(Stored data entries)
--------------------
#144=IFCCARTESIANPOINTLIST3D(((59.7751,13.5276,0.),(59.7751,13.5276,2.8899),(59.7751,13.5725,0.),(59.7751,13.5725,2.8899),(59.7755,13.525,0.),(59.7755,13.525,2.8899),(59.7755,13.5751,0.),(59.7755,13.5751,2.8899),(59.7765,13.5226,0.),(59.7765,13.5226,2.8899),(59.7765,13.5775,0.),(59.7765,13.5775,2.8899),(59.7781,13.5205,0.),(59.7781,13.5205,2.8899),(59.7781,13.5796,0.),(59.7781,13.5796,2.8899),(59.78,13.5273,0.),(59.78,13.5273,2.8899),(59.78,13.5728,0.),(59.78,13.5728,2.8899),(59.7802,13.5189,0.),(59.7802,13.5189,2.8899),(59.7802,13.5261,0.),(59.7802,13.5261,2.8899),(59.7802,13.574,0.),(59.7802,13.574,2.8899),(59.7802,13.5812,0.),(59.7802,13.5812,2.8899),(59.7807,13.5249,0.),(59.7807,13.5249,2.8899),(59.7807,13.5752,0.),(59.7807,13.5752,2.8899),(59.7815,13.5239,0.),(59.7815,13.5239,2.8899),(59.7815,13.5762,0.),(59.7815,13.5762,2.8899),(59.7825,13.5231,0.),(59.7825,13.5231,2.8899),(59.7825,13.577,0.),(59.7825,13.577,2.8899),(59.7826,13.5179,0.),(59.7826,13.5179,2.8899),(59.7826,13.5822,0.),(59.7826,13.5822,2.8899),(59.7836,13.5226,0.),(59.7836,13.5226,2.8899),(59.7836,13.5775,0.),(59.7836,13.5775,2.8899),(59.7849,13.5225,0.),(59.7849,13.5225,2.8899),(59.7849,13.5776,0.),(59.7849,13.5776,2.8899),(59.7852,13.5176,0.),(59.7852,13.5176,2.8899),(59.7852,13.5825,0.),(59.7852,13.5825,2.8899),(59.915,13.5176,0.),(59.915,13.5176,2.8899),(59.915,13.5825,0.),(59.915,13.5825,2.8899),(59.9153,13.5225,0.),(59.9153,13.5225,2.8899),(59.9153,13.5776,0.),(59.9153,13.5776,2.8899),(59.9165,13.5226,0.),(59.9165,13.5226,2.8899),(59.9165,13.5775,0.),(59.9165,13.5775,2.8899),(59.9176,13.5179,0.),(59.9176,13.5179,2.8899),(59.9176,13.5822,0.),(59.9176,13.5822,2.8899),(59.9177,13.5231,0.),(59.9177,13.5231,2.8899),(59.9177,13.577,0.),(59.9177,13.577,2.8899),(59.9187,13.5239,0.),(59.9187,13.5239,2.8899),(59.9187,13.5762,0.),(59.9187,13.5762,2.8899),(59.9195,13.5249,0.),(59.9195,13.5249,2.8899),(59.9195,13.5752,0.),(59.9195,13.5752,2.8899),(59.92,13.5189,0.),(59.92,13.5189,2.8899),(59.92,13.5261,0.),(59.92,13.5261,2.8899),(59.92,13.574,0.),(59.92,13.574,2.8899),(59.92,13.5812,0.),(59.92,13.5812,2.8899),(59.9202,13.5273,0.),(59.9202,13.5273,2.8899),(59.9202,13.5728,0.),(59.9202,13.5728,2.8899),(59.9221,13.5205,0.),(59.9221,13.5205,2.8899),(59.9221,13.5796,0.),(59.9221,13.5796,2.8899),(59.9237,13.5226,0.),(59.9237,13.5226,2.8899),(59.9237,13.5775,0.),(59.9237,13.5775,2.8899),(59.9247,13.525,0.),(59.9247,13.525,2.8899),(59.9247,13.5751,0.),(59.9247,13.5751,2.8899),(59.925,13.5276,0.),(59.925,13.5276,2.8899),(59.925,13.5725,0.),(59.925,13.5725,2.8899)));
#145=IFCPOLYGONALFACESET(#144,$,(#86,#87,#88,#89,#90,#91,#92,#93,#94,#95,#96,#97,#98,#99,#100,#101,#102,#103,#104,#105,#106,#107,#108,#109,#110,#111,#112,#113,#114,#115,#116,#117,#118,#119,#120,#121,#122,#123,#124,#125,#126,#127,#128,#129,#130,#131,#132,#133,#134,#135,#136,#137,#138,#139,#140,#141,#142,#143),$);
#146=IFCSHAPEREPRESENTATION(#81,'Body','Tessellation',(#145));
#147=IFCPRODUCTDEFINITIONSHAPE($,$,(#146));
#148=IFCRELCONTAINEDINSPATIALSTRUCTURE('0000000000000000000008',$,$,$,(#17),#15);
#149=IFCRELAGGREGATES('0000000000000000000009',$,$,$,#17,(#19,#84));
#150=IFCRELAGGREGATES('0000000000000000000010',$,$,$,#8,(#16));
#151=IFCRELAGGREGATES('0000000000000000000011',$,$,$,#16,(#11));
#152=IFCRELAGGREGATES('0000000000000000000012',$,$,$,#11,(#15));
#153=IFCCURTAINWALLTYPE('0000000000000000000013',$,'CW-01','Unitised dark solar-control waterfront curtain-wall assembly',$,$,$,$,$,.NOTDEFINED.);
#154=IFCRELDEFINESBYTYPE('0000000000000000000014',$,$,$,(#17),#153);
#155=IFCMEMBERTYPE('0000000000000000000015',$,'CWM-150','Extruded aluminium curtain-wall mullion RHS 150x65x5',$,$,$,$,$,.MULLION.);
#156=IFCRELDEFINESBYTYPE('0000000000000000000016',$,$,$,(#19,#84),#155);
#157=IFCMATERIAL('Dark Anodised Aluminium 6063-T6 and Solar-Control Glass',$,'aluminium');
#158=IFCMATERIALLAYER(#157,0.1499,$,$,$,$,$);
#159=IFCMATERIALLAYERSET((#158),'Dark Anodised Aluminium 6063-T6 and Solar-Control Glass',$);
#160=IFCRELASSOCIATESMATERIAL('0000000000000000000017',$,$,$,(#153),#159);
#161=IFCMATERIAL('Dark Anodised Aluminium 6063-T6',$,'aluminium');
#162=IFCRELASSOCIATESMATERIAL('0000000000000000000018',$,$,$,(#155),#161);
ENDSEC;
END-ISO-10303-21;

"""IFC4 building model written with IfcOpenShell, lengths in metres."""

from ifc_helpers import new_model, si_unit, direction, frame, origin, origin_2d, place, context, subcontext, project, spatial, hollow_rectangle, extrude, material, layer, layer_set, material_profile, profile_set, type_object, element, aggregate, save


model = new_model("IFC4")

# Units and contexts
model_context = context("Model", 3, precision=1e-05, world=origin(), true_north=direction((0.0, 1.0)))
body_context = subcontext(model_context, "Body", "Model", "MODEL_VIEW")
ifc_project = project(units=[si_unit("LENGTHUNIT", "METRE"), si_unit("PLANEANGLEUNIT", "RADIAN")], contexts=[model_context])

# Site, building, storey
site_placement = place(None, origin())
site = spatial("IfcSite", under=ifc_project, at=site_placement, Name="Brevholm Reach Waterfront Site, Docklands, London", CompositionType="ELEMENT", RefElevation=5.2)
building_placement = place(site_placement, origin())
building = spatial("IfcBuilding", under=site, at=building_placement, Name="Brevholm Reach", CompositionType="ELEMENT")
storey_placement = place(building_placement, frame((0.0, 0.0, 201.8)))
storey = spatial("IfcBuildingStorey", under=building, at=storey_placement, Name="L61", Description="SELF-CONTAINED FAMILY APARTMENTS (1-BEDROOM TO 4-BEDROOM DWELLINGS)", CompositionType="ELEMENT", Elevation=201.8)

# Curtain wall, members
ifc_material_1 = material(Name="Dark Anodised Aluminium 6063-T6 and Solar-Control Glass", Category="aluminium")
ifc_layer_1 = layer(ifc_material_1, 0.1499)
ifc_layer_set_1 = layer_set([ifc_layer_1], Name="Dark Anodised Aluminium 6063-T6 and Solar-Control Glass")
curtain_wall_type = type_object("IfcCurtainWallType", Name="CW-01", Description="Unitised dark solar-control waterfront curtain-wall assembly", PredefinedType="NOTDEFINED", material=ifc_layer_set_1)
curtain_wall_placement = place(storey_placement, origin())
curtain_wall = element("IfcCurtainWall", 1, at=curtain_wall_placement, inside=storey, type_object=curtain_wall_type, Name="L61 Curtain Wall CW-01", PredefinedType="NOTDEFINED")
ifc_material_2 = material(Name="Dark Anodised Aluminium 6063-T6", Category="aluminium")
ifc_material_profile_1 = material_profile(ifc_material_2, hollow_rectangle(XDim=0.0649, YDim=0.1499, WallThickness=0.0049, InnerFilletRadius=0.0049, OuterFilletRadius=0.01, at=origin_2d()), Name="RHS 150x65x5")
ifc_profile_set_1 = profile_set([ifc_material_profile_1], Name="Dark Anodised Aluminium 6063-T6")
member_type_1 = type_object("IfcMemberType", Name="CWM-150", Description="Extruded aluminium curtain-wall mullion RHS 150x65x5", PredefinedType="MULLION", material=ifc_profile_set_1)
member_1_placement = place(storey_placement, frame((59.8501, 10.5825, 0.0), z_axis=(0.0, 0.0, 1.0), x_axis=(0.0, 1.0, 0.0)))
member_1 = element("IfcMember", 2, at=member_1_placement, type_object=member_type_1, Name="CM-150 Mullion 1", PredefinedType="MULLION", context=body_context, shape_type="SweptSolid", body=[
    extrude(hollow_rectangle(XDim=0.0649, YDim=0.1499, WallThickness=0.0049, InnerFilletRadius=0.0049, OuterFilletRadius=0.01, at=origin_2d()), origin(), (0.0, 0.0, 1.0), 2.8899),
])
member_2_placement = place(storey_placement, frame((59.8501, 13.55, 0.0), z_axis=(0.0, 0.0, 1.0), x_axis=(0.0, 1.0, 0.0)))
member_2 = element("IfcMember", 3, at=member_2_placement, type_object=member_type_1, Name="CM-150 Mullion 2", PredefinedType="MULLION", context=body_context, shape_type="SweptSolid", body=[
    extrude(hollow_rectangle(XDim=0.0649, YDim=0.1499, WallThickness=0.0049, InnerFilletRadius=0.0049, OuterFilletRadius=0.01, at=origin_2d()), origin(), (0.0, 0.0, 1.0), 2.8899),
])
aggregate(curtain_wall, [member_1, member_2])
--------------------
• _EXERCISE INSTRUCTIONS_: Repeat word for word the lines above that run from the line containing "#158=IFCMATERIALLAYER(#157,0.1499,$,$,$,$,$);" through the line containing "building_placement = place(site_placement, origin())", both ends included, and nothing else.

• _RESPONSE BOX_:
#158=IFCMATERIALLAYER(#157,0.1499,$,$,$,$,$);
#159=IFCMATERIALLAYERSET((#158),'Dark Anodised Aluminium 6063-T6 and Solar-Control Glass',$);
#160=IFCRELASSOCIATESMATERIAL('0000000000000000000017',$,$,$,(#153),#159);
#161=IFCMATERIAL('Dark Anodised Aluminium 6063-T6',$,'aluminium');
#162=IFCRELASSOCIATESMATERIAL('0000000000000000000018',$,$,$,(#155),#161);
ENDSEC;
END-ISO-10303-21;

"""IFC4 building model written with IfcOpenShell, lengths in metres."""

from ifc_helpers import new_model, si_unit, direction, frame, origin, origin_2d, place, context, subcontext, project, spatial, hollow_rectangle, extrude, material, layer, layer_set, material_profile, profile_set, type_object, element, aggregate, save


model = new_model("IFC4")

# Units and contexts
model_context = context("Model", 3, precision=1e-05, world=origin(), true_north=direction((0.0, 1.0)))
body_context = subcontext(model_context, "Body", "Model", "MODEL_VIEW")
ifc_project = project(units=[si_unit("LENGTHUNIT", "METRE"), si_unit("PLANEANGLEUNIT", "RADIAN")], contexts=[model_context])

# Site, building, storey
site_placement = place(None, origin())
site = spatial("IfcSite", under=ifc_project, at=site_placement, Name="Brevholm Reach Waterfront Site, Docklands, London", CompositionType="ELEMENT", RefElevation=5.2)
building_placement = place(site_placement, origin())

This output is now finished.